• [INSTRUCTIONS TO FOLLOW]
Every line below from the one containing "#20=IFCLOCALPLACEMENT(#14,#2);" through the one containing "#55=IFCINDEXEDPOLYGONALFACE((5,7,8,6));" must be transcribed exactly. Omit all lines outside that stretch.

• [TASK MATERIAL]
╔══

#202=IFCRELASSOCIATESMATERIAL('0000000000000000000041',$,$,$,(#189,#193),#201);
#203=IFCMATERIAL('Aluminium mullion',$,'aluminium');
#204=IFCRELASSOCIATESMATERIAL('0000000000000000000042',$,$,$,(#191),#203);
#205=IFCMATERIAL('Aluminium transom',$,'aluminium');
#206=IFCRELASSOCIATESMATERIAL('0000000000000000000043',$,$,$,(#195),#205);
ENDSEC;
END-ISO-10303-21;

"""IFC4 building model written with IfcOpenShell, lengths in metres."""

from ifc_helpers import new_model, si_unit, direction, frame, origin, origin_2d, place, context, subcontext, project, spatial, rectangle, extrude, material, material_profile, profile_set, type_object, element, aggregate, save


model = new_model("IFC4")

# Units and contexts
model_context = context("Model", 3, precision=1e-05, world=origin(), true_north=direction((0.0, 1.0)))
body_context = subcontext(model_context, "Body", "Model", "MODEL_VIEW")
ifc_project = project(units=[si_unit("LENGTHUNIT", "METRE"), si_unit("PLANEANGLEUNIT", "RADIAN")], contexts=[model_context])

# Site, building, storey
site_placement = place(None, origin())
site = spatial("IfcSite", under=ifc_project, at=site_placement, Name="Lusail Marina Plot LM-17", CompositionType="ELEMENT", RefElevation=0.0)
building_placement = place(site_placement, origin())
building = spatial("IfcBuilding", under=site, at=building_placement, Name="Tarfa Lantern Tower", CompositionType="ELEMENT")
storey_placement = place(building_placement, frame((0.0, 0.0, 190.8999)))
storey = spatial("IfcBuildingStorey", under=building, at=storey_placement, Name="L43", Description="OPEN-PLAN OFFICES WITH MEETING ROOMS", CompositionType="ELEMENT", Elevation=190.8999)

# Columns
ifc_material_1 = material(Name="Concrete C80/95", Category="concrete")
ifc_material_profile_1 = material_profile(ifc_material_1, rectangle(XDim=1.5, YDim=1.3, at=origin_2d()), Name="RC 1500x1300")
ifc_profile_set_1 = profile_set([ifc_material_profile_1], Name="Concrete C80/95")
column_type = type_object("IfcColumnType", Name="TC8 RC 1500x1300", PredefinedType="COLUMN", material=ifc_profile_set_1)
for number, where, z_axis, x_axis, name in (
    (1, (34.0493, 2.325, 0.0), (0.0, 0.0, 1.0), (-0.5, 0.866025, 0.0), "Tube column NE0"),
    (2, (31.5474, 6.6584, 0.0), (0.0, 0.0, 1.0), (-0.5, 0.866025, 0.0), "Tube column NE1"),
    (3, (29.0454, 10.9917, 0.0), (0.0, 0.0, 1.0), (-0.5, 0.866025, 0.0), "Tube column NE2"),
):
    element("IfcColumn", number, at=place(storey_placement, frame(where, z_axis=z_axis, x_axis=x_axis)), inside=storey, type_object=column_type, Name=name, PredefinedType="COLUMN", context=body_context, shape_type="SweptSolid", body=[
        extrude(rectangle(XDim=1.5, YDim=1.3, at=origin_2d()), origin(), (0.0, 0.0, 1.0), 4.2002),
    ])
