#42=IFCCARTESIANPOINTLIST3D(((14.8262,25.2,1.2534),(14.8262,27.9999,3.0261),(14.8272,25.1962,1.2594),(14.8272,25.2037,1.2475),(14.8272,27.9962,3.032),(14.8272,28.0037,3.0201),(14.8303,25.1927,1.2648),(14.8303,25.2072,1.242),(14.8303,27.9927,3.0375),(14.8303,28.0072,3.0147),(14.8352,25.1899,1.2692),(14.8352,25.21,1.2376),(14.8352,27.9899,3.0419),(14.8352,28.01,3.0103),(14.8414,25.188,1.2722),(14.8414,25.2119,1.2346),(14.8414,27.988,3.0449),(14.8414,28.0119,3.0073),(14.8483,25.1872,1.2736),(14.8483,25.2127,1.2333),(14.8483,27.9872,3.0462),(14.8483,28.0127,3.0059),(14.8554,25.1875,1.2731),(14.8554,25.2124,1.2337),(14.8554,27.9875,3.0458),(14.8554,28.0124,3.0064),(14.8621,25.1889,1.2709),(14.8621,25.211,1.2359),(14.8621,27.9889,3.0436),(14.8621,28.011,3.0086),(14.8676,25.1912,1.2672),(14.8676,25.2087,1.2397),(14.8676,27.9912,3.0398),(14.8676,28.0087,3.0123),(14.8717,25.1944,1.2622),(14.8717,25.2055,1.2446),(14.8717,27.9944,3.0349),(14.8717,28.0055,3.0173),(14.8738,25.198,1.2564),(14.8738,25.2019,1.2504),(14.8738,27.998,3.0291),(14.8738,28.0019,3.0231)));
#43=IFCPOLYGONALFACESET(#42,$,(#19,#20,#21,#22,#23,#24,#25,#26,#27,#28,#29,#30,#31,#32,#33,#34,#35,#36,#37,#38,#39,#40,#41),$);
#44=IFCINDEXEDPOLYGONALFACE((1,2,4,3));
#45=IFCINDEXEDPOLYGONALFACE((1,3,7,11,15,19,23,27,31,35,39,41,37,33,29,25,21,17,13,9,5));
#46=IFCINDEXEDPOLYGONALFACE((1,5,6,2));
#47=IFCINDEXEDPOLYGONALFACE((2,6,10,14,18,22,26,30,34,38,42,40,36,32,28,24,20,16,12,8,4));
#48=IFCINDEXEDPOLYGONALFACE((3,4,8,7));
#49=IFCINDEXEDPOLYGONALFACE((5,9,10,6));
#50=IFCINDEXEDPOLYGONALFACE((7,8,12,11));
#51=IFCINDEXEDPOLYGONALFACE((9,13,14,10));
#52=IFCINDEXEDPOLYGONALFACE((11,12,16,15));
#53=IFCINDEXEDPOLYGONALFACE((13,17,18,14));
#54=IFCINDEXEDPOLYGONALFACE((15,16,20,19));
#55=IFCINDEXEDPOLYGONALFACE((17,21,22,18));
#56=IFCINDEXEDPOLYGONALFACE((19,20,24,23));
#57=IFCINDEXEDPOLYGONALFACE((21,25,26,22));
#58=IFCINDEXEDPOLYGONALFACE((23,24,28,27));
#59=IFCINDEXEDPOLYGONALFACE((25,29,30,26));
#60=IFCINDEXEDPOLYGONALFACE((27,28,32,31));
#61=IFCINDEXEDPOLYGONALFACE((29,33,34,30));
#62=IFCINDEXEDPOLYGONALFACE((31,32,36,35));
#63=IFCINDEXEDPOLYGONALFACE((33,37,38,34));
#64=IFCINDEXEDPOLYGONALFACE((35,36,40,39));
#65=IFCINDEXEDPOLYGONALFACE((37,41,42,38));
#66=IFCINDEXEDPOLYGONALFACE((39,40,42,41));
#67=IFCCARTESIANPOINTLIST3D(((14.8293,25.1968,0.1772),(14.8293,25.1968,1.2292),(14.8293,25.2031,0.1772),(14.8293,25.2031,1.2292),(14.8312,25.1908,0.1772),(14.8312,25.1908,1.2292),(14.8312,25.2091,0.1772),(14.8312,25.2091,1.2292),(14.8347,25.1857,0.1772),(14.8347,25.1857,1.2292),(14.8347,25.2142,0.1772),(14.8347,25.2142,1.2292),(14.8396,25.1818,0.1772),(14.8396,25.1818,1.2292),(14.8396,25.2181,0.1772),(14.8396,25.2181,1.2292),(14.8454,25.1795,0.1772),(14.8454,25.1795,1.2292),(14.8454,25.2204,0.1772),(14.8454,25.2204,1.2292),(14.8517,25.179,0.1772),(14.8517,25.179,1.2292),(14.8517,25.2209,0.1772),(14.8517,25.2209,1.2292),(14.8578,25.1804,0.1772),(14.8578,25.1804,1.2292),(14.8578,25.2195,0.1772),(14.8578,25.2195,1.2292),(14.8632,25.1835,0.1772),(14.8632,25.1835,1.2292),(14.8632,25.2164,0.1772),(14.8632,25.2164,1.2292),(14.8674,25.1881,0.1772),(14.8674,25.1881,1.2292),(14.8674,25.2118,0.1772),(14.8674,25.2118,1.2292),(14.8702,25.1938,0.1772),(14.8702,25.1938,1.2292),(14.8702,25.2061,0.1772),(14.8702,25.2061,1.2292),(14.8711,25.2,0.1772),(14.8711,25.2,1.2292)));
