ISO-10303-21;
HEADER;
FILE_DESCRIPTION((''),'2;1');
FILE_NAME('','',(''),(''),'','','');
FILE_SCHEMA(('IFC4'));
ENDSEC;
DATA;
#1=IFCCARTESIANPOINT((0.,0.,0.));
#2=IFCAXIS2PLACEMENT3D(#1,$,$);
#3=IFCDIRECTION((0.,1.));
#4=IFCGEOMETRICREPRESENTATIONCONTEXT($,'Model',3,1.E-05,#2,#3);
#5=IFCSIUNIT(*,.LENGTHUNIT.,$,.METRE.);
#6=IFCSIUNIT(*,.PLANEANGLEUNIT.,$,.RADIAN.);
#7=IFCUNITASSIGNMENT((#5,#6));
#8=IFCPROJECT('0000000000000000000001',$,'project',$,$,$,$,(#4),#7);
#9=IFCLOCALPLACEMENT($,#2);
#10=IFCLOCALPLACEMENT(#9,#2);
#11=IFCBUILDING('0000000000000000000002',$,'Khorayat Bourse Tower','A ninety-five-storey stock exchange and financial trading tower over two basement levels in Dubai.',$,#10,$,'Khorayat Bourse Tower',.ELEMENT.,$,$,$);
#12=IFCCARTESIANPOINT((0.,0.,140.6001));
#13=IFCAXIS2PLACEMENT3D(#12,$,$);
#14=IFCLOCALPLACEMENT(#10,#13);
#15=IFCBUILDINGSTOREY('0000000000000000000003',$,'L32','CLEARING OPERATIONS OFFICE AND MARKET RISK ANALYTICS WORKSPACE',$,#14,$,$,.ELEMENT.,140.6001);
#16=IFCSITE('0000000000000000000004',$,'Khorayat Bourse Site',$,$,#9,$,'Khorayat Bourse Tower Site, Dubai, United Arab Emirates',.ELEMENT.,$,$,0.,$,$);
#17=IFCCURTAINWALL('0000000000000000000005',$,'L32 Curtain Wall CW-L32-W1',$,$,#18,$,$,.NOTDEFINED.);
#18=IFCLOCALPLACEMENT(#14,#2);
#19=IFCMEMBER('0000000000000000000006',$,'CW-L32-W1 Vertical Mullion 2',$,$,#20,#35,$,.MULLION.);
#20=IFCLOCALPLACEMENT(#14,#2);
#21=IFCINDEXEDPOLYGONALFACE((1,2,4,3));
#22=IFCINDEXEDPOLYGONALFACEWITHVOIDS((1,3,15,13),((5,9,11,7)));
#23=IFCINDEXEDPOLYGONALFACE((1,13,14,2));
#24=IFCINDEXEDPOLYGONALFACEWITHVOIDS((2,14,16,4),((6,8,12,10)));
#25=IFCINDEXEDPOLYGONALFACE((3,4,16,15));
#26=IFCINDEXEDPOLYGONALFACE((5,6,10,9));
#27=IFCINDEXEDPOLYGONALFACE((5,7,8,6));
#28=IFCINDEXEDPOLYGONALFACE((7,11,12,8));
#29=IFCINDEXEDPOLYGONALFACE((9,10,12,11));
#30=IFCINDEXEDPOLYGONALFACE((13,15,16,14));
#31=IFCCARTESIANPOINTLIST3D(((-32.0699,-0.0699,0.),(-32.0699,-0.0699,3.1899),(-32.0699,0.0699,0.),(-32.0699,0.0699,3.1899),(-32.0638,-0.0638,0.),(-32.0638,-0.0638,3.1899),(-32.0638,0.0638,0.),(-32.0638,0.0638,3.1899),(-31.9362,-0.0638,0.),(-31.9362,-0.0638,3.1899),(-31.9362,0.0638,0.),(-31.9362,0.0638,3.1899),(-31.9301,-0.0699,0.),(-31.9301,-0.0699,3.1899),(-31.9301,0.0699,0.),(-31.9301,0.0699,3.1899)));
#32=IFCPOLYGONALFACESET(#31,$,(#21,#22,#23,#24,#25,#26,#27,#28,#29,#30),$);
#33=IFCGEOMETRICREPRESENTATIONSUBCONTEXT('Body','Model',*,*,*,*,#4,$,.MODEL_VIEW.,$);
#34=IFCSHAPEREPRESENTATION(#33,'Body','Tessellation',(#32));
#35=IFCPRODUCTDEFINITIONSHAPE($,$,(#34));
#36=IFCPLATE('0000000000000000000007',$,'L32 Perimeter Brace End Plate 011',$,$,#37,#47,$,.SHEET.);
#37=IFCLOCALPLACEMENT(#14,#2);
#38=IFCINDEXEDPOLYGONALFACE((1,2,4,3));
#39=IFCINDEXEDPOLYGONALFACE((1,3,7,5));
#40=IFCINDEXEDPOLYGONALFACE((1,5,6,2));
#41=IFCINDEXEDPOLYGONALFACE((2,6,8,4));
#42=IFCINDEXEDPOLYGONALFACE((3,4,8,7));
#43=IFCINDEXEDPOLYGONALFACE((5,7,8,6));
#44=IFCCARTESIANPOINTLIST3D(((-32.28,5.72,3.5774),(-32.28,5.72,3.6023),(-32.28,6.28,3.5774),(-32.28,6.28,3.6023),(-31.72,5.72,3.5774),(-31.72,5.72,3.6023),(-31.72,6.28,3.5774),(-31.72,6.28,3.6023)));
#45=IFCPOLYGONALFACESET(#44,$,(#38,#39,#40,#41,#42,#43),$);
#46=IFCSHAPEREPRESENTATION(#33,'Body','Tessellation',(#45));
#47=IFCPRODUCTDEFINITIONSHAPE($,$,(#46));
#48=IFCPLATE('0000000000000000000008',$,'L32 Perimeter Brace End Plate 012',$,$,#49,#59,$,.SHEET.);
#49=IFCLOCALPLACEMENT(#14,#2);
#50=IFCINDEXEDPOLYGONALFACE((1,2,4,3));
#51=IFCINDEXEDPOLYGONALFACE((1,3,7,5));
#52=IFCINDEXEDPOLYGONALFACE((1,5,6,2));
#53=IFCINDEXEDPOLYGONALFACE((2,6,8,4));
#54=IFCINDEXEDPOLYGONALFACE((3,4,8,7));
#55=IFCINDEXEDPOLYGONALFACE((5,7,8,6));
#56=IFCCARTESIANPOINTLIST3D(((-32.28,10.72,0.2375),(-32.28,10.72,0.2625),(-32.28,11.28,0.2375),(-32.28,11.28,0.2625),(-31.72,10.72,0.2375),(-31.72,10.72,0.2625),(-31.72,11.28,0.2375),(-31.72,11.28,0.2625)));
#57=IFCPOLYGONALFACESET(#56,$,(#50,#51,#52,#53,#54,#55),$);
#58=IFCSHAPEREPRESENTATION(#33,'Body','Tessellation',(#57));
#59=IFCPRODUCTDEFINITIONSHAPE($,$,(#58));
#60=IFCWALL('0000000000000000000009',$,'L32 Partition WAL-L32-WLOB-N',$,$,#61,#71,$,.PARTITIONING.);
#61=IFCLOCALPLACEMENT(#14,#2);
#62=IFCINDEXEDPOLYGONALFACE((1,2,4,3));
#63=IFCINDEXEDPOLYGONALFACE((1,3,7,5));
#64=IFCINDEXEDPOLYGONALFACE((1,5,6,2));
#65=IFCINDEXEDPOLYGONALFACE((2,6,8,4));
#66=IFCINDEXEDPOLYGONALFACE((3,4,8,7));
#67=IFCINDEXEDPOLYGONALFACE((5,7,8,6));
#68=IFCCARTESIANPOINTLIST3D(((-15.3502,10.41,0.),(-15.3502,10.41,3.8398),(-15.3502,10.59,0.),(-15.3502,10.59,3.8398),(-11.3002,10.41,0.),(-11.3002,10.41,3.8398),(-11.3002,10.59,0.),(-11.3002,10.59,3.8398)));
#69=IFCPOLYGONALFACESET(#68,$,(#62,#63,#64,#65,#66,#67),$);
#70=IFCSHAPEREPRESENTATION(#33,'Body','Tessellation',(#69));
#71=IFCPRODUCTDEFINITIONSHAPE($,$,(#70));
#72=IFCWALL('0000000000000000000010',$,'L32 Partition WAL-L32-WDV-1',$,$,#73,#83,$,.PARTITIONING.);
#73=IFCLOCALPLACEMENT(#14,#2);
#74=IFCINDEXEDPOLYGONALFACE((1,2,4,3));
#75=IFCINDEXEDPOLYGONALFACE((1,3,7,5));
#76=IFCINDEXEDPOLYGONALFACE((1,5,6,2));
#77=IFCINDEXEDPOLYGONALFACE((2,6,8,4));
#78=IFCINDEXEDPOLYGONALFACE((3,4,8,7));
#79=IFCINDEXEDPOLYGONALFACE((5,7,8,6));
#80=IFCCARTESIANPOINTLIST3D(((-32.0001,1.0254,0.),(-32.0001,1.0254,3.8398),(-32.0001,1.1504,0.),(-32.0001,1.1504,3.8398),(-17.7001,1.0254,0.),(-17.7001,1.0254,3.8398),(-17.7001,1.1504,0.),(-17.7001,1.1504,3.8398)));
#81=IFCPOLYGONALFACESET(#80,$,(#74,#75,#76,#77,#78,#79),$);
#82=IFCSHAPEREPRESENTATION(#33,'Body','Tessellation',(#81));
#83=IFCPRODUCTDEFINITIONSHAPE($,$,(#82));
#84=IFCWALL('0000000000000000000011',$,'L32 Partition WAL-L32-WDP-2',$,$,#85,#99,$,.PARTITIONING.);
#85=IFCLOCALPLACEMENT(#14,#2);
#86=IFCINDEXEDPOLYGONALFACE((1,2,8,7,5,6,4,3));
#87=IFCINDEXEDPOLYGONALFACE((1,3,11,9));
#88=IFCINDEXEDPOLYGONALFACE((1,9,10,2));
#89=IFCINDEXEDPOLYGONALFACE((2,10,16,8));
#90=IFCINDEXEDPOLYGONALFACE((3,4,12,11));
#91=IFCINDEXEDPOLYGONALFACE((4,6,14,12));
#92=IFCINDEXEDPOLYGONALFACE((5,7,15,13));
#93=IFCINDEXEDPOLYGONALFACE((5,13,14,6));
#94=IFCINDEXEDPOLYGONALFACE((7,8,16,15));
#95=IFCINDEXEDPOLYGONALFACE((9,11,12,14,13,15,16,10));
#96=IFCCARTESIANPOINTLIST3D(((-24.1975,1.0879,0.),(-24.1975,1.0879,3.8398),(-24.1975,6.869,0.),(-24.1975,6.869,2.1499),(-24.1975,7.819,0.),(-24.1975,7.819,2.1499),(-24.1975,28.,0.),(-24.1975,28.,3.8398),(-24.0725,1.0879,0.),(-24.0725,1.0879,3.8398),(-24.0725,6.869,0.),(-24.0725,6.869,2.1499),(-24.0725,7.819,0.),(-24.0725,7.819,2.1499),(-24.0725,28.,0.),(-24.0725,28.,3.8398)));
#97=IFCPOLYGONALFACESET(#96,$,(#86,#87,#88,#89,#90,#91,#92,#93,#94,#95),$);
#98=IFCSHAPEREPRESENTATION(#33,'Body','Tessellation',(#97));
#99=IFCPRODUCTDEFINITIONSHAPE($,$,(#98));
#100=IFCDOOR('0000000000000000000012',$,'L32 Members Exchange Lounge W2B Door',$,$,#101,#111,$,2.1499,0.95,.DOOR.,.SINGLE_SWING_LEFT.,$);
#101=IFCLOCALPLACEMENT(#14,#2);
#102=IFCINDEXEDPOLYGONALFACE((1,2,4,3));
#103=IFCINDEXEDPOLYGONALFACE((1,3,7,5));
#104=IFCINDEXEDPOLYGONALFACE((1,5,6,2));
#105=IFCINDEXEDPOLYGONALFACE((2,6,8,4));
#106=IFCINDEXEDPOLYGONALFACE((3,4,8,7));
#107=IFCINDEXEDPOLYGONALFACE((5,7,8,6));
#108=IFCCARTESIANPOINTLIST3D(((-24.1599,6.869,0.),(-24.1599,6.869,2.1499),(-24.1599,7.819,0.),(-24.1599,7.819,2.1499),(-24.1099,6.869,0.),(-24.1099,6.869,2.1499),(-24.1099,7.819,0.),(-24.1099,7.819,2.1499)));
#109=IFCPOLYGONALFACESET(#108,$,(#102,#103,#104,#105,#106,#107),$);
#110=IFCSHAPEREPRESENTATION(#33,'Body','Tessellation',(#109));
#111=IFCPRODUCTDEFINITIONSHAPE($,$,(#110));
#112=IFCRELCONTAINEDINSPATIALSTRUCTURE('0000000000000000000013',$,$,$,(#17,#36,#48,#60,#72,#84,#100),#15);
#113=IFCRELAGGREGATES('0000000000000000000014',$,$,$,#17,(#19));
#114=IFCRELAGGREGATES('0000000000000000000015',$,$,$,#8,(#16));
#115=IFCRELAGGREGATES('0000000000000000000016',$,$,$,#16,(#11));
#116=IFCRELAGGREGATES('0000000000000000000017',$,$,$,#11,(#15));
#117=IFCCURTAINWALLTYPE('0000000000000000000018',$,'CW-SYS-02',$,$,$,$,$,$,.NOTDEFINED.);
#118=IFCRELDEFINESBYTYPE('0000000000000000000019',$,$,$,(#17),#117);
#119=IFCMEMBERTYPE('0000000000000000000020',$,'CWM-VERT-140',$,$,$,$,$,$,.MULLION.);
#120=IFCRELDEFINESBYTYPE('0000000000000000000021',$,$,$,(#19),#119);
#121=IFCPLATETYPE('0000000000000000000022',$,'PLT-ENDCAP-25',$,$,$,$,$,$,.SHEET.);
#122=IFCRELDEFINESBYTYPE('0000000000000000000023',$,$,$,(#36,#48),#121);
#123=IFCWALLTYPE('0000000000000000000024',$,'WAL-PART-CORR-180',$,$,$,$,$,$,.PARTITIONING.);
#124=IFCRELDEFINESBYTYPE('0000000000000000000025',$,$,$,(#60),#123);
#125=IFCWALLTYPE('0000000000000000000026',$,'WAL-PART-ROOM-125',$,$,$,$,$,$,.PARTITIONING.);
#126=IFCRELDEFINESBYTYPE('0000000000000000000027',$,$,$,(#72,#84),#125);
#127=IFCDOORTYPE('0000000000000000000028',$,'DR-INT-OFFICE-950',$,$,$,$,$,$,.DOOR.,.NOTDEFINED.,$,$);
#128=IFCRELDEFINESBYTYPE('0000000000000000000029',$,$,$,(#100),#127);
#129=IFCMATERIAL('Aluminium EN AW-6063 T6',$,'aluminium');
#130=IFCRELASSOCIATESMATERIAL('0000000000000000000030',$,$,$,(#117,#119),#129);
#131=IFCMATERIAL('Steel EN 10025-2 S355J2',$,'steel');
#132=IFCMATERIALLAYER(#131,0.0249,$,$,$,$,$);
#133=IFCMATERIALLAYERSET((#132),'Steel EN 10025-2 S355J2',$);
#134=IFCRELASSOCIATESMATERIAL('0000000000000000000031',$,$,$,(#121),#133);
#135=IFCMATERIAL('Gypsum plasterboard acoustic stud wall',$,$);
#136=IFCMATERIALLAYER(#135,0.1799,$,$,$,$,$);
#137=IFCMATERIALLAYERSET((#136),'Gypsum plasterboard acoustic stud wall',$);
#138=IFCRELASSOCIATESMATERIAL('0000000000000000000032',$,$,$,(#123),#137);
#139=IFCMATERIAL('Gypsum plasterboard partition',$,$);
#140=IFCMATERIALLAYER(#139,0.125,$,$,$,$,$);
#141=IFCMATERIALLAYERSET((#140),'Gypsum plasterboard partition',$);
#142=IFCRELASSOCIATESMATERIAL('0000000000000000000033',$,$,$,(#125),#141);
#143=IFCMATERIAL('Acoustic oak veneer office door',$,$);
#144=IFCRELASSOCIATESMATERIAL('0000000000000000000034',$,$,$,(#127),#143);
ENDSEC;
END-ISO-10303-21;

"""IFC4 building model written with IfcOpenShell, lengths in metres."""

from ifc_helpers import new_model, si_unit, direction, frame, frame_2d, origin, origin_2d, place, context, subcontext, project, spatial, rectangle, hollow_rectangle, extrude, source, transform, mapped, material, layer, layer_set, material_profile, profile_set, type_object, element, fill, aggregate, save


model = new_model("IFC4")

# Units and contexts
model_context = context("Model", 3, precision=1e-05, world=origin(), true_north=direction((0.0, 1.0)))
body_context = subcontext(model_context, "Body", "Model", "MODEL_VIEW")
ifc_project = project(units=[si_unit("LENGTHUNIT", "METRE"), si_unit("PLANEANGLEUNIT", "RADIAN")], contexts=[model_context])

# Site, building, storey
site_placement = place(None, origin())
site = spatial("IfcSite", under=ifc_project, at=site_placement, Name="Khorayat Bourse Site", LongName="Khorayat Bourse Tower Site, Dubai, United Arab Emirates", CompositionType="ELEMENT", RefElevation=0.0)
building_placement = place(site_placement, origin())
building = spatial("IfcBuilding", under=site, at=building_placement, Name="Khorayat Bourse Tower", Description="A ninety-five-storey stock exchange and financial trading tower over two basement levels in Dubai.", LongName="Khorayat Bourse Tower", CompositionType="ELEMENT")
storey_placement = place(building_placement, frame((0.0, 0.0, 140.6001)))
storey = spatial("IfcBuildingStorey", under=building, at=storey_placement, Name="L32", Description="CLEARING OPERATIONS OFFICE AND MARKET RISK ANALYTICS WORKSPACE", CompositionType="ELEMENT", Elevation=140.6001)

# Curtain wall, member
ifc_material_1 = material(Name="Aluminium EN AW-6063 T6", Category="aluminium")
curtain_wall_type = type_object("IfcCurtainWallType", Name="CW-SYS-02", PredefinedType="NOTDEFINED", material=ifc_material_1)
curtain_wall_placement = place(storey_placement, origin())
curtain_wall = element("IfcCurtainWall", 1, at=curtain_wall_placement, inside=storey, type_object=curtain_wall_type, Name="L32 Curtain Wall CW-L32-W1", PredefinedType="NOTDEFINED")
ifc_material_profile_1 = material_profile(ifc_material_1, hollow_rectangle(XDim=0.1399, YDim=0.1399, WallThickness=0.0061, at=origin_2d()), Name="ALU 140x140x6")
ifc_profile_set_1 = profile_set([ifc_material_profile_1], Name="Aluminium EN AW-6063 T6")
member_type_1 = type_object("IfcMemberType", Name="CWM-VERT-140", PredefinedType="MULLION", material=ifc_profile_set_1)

╚══

• [RESULT OF THE TASK]
#20=IFCLOCALPLACEMENT(#14,#2);
#21=IFCINDEXEDPOLYGONALFACE((1,2,4,3));
#22=IFCINDEXEDPOLYGONALFACEWITHVOIDS((1,3,15,13),((5,9,11,7)));
#23=IFCINDEXEDPOLYGONALFACE((1,13,14,2));
#24=IFCINDEXEDPOLYGONALFACEWITHVOIDS((2,14,16,4),((6,8,12,10)));
#25=IFCINDEXEDPOLYGONALFACE((3,4,16,15));
#26=IFCINDEXEDPOLYGONALFACE((5,6,10,9));
#27=IFCINDEXEDPOLYGONALFACE((5,7,8,6));
#28=IFCINDEXEDPOLYGONALFACE((7,11,12,8));
#29=IFCINDEXEDPOLYGONALFACE((9,10,12,11));
#30=IFCINDEXEDPOLYGONALFACE((13,15,16,14));
#31=IFCCARTESIANPOINTLIST3D(((-32.0699,-0.0699,0.),(-32.0699,-0.0699,3.1899),(-32.0699,0.0699,0.),(-32.0699,0.0699,3.1899),(-32.0638,-0.0638,0.),(-32.0638,-0.0638,3.1899),(-32.0638,0.0638,0.),(-32.0638,0.0638,3.1899),(-31.9362,-0.0638,0.),(-31.9362,-0.0638,3.1899),(-31.9362,0.0638,0.),(-31.9362,0.0638,3.1899),(-31.9301,-0.0699,0.),(-31.9301,-0.0699,3.1899),(-31.9301,0.0699,0.),(-31.9301,0.0699,3.1899)));
#32=IFCPOLYGONALFACESET(#31,$,(#21,#22,#23,#24,#25,#26,#27,#28,#29,#30),$);
#33=IFCGEOMETRICREPRESENTATIONSUBCONTEXT('Body','Model',*,*,*,*,#4,$,.MODEL_VIEW.,$);
#34=IFCSHAPEREPRESENTATION(#33,'Body','Tessellation',(#32));
#35=IFCPRODUCTDEFINITIONSHAPE($,$,(#34));
#36=IFCPLATE('0000000000000000000007',$,'L32 Perimeter Brace End Plate 011',$,$,#37,#47,$,.SHEET.);
#37=IFCLOCALPLACEMENT(#14,#2);
#38=IFCINDEXEDPOLYGONALFACE((1,2,4,3));
#39=IFCINDEXEDPOLYGONALFACE((1,3,7,5));
#40=IFCINDEXEDPOLYGONALFACE((1,5,6,2));
#41=IFCINDEXEDPOLYGONALFACE((2,6,8,4));
#42=IFCINDEXEDPOLYGONALFACE((3,4,8,7));
#43=IFCINDEXEDPOLYGONALFACE((5,7,8,6));
#44=IFCCARTESIANPOINTLIST3D(((-32.28,5.72,3.5774),(-32.28,5.72,3.6023),(-32.28,6.28,3.5774),(-32.28,6.28,3.6023),(-31.72,5.72,3.5774),(-31.72,5.72,3.6023),(-31.72,6.28,3.5774),(-31.72,6.28,3.6023)));
#45=IFCPOLYGONALFACESET(#44,$,(#38,#39,#40,#41,#42,#43),$);
#46=IFCSHAPEREPRESENTATION(#33,'Body','Tessellation',(#45));
#47=IFCPRODUCTDEFINITIONSHAPE($,$,(#46));
#48=IFCPLATE('0000000000000000000008',$,'L32 Perimeter Brace End Plate 012',$,$,#49,#59,$,.SHEET.);
#49=IFCLOCALPLACEMENT(#14,#2);
#50=IFCINDEXEDPOLYGONALFACE((1,2,4,3));
#51=IFCINDEXEDPOLYGONALFACE((1,3,7,5));
#52=IFCINDEXEDPOLYGONALFACE((1,5,6,2));
#53=IFCINDEXEDPOLYGONALFACE((2,6,8,4));
#54=IFCINDEXEDPOLYGONALFACE((3,4,8,7));
#55=IFCINDEXEDPOLYGONALFACE((5,7,8,6));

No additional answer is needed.